### WORK TASK
Starting at the line that holds "#145=IFCPRODUCTDEFINITIONSHAPE($,$,(#144));" and stopping at the line that holds "#148=IFCRELAGGREGATES('0000000000000000000017',$,$,$,#16,(#11));", restate the records below word for word, with both of those lines included.

### THE DATA
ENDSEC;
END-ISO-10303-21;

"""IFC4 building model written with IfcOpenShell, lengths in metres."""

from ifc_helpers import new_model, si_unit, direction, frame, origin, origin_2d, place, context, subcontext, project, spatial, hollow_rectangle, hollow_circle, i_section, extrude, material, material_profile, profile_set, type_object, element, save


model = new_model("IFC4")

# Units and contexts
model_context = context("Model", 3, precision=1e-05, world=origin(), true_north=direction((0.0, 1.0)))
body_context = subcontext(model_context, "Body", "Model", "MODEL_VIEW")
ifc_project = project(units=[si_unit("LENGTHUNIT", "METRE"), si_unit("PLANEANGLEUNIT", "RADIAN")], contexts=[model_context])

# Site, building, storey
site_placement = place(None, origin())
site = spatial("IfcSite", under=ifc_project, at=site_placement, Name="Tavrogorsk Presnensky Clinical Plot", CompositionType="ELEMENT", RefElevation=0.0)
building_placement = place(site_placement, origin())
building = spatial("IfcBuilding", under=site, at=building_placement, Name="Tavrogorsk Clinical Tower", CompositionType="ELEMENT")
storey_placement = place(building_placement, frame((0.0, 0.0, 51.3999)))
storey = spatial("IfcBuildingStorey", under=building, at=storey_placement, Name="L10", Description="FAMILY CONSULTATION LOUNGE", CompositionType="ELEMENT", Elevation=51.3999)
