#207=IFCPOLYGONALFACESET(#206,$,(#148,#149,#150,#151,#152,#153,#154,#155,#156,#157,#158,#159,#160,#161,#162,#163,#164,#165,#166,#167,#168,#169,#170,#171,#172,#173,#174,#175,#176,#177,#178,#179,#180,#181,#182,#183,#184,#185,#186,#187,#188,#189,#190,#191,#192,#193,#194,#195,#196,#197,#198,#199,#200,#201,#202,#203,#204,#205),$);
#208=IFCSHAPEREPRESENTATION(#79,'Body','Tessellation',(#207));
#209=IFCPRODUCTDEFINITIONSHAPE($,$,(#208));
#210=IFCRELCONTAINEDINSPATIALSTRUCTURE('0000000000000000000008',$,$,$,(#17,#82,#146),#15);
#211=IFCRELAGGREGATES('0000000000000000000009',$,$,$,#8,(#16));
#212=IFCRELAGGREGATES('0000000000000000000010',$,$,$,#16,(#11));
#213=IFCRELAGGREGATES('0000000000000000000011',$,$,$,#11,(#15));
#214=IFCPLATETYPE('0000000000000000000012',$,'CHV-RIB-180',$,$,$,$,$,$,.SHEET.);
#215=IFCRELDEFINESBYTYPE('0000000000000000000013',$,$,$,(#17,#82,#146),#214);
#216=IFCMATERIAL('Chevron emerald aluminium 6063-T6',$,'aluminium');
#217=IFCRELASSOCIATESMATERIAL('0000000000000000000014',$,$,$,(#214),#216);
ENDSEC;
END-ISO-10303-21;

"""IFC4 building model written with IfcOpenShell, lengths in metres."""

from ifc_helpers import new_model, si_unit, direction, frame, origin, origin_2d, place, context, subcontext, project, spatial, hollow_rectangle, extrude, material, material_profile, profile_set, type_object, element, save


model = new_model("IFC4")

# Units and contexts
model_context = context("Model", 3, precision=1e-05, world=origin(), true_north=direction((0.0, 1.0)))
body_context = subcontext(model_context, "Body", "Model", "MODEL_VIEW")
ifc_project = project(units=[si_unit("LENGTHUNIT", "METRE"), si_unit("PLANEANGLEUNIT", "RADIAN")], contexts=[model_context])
---
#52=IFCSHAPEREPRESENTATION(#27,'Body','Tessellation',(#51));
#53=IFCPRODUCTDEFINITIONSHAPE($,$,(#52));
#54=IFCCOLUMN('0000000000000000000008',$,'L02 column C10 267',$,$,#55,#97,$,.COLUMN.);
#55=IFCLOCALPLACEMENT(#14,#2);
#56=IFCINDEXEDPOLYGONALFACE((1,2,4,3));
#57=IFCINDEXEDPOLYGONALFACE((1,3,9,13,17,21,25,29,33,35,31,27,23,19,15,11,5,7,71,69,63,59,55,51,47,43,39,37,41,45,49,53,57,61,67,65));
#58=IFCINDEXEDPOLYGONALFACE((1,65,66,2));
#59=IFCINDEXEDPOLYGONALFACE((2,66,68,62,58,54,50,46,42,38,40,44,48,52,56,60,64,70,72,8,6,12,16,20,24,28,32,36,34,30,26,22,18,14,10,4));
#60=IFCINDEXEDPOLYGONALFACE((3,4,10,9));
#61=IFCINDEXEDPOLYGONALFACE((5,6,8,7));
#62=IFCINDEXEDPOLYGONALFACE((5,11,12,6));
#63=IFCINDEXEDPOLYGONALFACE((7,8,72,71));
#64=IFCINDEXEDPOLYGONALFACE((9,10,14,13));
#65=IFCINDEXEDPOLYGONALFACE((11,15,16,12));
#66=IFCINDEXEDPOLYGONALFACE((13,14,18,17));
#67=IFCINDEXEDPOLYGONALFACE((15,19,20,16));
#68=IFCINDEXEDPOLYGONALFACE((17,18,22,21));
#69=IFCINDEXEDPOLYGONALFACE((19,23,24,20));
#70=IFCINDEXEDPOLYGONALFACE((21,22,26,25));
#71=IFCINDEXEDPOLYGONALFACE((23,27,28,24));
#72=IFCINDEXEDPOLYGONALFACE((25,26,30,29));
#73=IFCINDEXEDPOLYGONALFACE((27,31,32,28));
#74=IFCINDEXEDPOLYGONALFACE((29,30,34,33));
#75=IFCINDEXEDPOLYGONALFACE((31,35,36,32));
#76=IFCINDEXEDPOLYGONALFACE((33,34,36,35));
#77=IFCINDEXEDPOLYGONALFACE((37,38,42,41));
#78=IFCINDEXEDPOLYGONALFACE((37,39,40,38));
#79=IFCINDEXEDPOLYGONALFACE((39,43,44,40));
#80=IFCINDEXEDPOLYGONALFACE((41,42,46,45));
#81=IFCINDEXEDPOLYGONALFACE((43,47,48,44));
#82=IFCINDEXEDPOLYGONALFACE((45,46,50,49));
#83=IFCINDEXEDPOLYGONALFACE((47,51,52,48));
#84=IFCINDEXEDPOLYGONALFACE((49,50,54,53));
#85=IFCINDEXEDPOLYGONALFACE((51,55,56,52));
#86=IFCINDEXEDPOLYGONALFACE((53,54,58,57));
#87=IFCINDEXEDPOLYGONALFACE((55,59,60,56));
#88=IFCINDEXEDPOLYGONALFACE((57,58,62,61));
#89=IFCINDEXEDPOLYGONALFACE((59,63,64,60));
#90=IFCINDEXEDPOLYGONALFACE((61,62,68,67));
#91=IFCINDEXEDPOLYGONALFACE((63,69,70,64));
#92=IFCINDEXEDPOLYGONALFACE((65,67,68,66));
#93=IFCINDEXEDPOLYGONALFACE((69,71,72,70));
--
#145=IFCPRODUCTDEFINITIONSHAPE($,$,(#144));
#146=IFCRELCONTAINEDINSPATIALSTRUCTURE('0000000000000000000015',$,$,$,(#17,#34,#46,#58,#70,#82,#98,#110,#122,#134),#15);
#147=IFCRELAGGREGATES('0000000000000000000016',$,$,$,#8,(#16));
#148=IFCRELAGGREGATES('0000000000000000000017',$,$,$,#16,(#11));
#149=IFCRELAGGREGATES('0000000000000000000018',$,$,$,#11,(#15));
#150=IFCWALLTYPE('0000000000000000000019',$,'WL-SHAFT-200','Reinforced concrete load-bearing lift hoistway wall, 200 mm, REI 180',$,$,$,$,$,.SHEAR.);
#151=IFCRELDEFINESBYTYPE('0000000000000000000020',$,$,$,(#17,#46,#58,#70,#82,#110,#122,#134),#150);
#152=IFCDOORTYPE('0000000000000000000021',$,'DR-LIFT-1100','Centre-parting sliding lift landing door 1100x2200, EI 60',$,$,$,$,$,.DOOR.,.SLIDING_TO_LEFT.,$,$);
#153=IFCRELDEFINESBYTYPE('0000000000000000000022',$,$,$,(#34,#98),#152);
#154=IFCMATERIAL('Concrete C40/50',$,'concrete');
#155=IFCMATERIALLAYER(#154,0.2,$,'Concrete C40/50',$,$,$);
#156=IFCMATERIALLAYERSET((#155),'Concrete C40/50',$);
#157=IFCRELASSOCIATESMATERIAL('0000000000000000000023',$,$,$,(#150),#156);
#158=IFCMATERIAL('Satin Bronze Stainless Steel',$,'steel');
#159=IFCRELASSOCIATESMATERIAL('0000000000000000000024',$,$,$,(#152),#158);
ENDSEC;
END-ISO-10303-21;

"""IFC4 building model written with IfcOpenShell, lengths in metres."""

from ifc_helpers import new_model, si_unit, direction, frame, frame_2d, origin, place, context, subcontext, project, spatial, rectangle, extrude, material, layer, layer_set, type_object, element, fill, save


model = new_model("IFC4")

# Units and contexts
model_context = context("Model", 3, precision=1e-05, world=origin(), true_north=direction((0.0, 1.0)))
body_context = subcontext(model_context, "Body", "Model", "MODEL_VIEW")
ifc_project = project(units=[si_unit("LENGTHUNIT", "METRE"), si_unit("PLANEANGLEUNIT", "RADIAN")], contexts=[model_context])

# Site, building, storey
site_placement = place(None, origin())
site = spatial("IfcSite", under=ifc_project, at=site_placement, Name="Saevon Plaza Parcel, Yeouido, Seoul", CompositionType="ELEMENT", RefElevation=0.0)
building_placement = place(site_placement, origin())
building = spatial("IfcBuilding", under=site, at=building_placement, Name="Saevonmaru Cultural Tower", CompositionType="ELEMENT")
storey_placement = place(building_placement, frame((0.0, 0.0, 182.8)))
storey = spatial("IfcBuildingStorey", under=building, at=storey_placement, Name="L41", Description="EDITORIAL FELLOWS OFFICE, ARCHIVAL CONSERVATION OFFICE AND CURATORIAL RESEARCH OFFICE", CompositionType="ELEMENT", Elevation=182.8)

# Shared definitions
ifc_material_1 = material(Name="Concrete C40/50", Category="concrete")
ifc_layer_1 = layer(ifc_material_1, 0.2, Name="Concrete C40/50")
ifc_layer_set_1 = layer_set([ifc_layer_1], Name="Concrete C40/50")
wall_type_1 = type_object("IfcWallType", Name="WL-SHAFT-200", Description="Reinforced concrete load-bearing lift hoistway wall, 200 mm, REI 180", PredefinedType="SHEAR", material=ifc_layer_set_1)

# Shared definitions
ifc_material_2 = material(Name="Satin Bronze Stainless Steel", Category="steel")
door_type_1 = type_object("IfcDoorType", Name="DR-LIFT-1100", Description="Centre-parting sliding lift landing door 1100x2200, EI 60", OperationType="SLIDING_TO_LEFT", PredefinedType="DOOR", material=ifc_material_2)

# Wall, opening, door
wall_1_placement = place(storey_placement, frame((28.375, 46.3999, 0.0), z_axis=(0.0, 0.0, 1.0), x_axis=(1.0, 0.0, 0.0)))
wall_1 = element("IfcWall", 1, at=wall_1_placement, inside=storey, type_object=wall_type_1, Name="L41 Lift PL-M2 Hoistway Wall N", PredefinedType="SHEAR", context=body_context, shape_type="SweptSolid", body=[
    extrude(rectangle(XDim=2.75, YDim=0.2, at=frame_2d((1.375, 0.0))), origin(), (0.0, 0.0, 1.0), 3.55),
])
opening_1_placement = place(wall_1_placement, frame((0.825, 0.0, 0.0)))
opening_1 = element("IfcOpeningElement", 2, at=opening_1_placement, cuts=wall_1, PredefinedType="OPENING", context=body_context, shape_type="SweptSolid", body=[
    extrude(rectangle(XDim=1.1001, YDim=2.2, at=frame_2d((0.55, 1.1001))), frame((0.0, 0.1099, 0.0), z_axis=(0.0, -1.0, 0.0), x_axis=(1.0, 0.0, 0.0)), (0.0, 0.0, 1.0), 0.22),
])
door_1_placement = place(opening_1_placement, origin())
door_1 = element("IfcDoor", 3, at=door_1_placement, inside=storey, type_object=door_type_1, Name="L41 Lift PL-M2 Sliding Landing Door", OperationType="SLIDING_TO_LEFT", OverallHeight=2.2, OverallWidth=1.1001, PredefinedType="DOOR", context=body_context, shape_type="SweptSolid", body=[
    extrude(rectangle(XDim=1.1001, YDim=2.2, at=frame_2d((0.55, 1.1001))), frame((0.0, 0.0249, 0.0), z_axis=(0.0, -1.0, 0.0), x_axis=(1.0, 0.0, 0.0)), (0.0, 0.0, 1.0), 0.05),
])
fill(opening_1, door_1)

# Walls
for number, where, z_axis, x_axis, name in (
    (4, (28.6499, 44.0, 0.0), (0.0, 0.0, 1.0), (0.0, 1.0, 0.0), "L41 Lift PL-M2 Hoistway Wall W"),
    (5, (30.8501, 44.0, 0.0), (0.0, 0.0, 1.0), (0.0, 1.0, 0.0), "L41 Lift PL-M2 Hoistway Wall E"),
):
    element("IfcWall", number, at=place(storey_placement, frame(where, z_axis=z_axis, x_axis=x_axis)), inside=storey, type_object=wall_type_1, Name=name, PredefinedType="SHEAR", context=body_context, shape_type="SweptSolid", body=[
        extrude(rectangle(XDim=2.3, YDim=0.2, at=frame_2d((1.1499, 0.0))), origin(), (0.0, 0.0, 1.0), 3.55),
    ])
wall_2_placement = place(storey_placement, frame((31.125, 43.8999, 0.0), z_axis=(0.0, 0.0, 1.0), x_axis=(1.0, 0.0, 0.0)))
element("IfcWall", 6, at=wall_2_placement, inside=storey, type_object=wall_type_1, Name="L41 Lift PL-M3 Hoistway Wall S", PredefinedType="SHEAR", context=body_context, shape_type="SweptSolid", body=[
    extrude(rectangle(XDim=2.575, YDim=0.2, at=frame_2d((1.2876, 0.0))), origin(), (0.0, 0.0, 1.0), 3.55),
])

### FINISHED TASK
#145=IFCPRODUCTDEFINITIONSHAPE($,$,(#144));
#146=IFCRELCONTAINEDINSPATIALSTRUCTURE('0000000000000000000015',$,$,$,(#17,#34,#46,#58,#70,#82,#98,#110,#122,#134),#15);
#147=IFCRELAGGREGATES('0000000000000000000016',$,$,$,#8,(#16));
#148=IFCRELAGGREGATES('0000000000000000000017',$,$,$,#16,(#11));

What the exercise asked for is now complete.